Stored data entries ::
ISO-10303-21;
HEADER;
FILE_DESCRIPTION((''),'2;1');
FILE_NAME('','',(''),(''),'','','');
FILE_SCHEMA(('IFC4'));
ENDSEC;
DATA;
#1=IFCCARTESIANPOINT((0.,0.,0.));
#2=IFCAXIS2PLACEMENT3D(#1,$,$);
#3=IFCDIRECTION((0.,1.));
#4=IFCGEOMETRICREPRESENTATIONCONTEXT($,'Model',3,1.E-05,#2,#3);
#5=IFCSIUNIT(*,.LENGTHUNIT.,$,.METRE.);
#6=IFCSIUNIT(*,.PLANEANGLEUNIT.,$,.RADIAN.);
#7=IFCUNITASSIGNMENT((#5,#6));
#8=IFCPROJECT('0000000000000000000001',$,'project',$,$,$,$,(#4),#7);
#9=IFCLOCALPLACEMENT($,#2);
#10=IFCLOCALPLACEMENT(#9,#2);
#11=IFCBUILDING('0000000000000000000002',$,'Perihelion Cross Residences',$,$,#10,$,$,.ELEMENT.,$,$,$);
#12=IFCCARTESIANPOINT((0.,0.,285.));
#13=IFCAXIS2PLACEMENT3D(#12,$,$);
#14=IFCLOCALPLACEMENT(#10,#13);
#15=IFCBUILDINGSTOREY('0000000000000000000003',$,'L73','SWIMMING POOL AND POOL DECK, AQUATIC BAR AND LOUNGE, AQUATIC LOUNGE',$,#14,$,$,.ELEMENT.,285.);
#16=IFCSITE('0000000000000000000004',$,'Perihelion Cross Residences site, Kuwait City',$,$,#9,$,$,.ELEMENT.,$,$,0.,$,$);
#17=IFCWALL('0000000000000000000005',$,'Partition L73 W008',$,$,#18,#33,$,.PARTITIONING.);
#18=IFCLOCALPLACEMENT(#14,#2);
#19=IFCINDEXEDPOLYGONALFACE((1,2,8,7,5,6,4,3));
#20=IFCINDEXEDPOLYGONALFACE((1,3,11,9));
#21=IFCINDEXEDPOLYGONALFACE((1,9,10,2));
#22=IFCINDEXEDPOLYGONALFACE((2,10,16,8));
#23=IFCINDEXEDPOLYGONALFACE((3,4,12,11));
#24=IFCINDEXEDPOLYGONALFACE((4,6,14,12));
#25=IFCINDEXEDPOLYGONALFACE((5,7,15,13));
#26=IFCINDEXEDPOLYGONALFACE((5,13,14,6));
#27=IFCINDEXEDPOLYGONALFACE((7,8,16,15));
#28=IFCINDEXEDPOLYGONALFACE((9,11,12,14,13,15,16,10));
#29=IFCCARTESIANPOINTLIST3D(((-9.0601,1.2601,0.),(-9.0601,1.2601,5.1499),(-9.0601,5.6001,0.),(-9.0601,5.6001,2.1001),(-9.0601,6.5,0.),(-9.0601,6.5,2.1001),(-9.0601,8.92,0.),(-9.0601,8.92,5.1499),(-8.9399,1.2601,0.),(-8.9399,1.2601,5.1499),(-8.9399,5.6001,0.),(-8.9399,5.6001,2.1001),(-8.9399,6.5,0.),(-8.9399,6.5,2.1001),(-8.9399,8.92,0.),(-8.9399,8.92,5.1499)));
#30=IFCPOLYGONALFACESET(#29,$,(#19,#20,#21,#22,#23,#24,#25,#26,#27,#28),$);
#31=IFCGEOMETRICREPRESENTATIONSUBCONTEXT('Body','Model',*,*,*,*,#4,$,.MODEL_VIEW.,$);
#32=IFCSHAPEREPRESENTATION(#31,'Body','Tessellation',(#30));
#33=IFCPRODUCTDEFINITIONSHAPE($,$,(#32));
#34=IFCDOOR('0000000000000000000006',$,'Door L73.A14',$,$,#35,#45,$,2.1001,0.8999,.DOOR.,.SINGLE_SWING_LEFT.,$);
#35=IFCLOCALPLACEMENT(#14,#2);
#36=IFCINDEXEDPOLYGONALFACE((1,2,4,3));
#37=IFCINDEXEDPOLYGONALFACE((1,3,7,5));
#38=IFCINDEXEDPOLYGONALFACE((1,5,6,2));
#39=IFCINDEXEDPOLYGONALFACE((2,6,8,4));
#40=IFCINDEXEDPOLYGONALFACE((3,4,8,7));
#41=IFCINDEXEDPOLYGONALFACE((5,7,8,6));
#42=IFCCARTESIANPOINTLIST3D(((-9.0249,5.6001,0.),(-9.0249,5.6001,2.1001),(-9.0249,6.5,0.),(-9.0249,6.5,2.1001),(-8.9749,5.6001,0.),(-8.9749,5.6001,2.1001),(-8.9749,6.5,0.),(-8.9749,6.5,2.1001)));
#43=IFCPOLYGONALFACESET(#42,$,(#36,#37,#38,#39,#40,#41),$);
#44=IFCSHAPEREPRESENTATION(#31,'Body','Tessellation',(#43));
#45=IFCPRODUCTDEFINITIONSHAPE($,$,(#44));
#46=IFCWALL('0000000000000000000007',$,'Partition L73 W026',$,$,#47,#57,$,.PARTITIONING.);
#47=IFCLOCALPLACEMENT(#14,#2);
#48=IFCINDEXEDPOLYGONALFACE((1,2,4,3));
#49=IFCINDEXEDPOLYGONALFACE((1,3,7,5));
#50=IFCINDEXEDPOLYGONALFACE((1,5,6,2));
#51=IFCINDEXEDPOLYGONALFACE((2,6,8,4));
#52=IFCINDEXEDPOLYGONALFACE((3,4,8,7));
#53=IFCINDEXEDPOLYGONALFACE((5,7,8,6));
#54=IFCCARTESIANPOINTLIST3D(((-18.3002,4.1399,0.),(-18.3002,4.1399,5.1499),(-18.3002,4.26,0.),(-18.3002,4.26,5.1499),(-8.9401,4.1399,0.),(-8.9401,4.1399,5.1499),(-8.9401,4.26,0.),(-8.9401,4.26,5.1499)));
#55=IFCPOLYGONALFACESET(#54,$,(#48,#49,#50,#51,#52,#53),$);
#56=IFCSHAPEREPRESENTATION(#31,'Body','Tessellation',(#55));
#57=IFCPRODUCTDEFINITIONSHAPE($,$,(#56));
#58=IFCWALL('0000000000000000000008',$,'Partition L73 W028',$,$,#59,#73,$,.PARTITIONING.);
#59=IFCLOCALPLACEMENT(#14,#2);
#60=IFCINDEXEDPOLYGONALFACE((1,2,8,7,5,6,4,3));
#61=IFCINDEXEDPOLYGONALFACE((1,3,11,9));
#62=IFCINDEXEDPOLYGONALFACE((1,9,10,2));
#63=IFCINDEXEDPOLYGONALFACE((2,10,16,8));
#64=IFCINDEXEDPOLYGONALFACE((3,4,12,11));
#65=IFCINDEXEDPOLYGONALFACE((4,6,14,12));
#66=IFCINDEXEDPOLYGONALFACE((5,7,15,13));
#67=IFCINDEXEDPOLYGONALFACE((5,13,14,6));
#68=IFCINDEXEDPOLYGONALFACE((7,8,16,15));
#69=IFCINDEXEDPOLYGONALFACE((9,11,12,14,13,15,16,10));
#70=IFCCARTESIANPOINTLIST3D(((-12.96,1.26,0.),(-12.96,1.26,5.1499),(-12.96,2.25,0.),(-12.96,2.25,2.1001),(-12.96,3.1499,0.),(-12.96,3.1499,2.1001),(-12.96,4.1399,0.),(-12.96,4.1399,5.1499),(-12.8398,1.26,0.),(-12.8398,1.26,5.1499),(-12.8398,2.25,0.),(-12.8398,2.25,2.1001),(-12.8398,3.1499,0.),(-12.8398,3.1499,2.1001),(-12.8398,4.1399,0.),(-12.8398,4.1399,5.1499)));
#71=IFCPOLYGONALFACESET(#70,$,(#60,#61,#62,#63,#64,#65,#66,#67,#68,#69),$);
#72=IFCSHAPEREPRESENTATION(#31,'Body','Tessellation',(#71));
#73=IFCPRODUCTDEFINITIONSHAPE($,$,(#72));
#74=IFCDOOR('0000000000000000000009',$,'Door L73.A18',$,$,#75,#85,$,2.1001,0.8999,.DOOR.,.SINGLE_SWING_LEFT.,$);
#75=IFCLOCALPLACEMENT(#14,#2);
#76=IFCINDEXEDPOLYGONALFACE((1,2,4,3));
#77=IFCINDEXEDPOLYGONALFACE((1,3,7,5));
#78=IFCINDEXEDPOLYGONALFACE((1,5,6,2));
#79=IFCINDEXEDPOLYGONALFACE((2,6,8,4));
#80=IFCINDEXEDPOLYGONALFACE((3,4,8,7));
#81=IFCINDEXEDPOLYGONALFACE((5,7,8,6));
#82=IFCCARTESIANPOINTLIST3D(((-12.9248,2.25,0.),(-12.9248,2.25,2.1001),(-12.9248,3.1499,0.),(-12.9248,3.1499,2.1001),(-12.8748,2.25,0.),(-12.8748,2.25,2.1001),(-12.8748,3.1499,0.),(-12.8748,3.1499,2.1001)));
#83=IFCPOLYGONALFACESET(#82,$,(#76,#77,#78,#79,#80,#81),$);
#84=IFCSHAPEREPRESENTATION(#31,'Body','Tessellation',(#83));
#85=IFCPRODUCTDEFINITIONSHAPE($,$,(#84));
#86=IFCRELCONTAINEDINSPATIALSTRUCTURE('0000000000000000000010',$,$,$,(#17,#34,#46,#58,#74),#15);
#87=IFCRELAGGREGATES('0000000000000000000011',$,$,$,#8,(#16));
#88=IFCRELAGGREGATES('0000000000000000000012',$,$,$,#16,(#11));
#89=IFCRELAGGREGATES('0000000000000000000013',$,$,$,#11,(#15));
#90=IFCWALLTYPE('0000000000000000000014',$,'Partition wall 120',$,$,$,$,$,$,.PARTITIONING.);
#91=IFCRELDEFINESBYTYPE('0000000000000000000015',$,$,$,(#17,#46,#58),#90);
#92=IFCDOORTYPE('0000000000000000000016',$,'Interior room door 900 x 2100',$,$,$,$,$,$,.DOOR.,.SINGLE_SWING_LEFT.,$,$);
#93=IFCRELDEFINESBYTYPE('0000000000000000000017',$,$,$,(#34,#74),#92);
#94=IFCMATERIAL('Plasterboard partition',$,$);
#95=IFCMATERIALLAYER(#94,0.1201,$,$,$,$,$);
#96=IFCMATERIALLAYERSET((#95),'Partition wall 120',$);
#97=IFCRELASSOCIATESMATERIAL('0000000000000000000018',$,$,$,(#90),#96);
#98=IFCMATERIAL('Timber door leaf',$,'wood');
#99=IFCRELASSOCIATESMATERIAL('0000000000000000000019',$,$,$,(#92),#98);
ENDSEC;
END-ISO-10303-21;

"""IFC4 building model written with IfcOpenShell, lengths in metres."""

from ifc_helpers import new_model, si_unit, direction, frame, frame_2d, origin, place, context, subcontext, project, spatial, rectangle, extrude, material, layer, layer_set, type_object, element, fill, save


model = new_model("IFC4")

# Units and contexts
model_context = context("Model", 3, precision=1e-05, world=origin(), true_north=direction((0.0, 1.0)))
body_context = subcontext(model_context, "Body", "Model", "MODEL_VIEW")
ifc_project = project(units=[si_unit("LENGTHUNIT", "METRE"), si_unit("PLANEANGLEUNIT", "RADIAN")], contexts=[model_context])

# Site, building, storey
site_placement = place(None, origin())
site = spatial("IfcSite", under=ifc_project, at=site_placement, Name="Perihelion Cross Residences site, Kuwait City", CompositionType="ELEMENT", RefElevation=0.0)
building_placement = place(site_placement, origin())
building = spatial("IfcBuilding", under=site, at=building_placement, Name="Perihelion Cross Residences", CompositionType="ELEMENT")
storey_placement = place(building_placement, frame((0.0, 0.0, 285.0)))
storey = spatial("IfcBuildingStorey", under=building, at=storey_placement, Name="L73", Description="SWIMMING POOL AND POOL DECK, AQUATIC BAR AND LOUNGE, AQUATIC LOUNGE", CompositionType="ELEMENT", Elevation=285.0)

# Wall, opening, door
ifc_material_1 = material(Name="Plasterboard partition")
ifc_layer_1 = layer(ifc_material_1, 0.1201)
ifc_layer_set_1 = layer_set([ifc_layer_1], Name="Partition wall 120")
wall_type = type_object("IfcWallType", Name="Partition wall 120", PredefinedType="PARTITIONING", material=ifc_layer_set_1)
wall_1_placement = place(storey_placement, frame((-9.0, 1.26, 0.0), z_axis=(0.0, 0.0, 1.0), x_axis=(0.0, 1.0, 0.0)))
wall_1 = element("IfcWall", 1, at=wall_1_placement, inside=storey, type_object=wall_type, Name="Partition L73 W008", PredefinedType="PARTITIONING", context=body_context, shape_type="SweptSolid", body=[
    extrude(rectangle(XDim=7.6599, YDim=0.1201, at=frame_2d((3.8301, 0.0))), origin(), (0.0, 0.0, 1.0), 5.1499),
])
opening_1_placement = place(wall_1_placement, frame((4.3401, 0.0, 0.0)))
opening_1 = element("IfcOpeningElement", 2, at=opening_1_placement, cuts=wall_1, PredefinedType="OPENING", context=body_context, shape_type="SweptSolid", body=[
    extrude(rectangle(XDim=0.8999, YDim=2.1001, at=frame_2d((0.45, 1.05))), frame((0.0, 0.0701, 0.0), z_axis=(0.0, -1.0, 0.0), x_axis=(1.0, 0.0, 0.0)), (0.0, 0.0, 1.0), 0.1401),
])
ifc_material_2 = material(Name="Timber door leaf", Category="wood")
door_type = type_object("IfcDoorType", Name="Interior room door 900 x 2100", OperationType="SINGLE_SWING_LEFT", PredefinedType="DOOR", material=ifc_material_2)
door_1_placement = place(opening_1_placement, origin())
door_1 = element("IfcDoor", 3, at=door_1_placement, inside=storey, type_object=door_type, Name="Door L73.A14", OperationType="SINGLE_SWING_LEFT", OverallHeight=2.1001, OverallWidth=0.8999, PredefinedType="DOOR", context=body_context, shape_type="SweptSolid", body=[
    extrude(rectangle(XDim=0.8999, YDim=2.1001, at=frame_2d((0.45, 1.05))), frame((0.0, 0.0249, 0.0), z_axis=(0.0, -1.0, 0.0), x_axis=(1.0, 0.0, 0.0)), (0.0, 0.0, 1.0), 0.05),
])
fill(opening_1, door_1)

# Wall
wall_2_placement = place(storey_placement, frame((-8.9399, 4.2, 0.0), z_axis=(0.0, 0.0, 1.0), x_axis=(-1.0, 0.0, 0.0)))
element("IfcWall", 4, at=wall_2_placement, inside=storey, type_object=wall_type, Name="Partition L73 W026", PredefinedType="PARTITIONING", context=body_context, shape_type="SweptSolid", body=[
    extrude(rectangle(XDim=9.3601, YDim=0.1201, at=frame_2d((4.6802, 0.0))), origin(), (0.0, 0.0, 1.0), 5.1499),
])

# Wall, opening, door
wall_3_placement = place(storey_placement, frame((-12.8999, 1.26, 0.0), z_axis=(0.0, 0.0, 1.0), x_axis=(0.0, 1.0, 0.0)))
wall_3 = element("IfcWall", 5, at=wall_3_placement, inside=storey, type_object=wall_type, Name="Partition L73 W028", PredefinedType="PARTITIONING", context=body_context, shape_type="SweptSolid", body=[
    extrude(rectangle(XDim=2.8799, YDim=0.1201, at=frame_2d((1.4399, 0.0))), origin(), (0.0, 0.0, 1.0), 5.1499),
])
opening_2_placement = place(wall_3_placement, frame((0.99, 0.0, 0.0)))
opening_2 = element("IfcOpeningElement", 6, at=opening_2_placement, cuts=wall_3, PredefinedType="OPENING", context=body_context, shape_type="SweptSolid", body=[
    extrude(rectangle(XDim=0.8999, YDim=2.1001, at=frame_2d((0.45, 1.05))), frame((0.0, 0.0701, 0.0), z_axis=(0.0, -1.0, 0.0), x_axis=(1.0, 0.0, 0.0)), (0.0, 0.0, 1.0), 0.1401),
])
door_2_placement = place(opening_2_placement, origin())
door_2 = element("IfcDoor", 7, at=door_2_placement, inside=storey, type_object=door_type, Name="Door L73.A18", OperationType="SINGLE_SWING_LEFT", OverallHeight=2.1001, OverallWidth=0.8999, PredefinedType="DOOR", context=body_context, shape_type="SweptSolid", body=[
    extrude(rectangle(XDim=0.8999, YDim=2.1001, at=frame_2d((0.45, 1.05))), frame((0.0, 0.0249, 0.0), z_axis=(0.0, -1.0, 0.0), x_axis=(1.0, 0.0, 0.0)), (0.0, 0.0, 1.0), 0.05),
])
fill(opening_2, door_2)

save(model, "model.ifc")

* * *

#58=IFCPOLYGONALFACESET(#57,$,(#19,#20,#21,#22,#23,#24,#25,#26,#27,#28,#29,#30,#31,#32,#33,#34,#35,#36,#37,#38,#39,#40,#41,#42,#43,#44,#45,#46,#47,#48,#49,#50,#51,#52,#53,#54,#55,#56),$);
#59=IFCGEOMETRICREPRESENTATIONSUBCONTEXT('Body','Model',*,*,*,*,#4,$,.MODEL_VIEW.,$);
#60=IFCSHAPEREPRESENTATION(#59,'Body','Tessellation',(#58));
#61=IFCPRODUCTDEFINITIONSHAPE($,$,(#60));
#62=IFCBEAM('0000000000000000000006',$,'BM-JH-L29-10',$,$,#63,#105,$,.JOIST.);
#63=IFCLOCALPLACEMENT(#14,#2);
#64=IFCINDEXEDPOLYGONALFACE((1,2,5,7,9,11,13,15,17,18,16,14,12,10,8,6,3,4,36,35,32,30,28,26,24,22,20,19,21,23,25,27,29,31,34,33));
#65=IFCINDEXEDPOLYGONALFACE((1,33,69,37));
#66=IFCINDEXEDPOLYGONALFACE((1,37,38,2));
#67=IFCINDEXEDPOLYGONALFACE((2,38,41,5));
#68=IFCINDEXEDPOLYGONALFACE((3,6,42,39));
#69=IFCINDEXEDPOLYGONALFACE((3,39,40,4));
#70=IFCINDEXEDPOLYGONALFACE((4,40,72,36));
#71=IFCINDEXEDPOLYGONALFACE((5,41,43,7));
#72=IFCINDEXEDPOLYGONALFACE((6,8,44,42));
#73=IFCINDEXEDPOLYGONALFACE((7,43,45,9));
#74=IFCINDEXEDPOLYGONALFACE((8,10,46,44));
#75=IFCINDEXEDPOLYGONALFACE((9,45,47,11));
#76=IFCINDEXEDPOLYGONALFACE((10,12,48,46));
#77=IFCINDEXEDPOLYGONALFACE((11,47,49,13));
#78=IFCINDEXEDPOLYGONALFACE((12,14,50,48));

Try it :: Only lines that hold the string "IFCPOLYGONALFACESET" belong in the answer, so copy every one of them from the records.

Your response ::
#30=IFCPOLYGONALFACESET(#29,$,(#19,#20,#21,#22,#23,#24,#25,#26,#27,#28),$);
#43=IFCPOLYGONALFACESET(#42,$,(#36,#37,#38,#39,#40,#41),$);
#55=IFCPOLYGONALFACESET(#54,$,(#48,#49,#50,#51,#52,#53),$);
#71=IFCPOLYGONALFACESET(#70,$,(#60,#61,#62,#63,#64,#65,#66,#67,#68,#69),$);
#83=IFCPOLYGONALFACESET(#82,$,(#76,#77,#78,#79,#80,#81),$);
#58=IFCPOLYGONALFACESET(#57,$,(#19,#20,#21,#22,#23,#24,#25,#26,#27,#28,#29,#30,#31,#32,#33,#34,#35,#36,#37,#38,#39,#40,#41,#42,#43,#44,#45,#46,#47,#48,#49,#50,#51,#52,#53,#54,#55,#56),$);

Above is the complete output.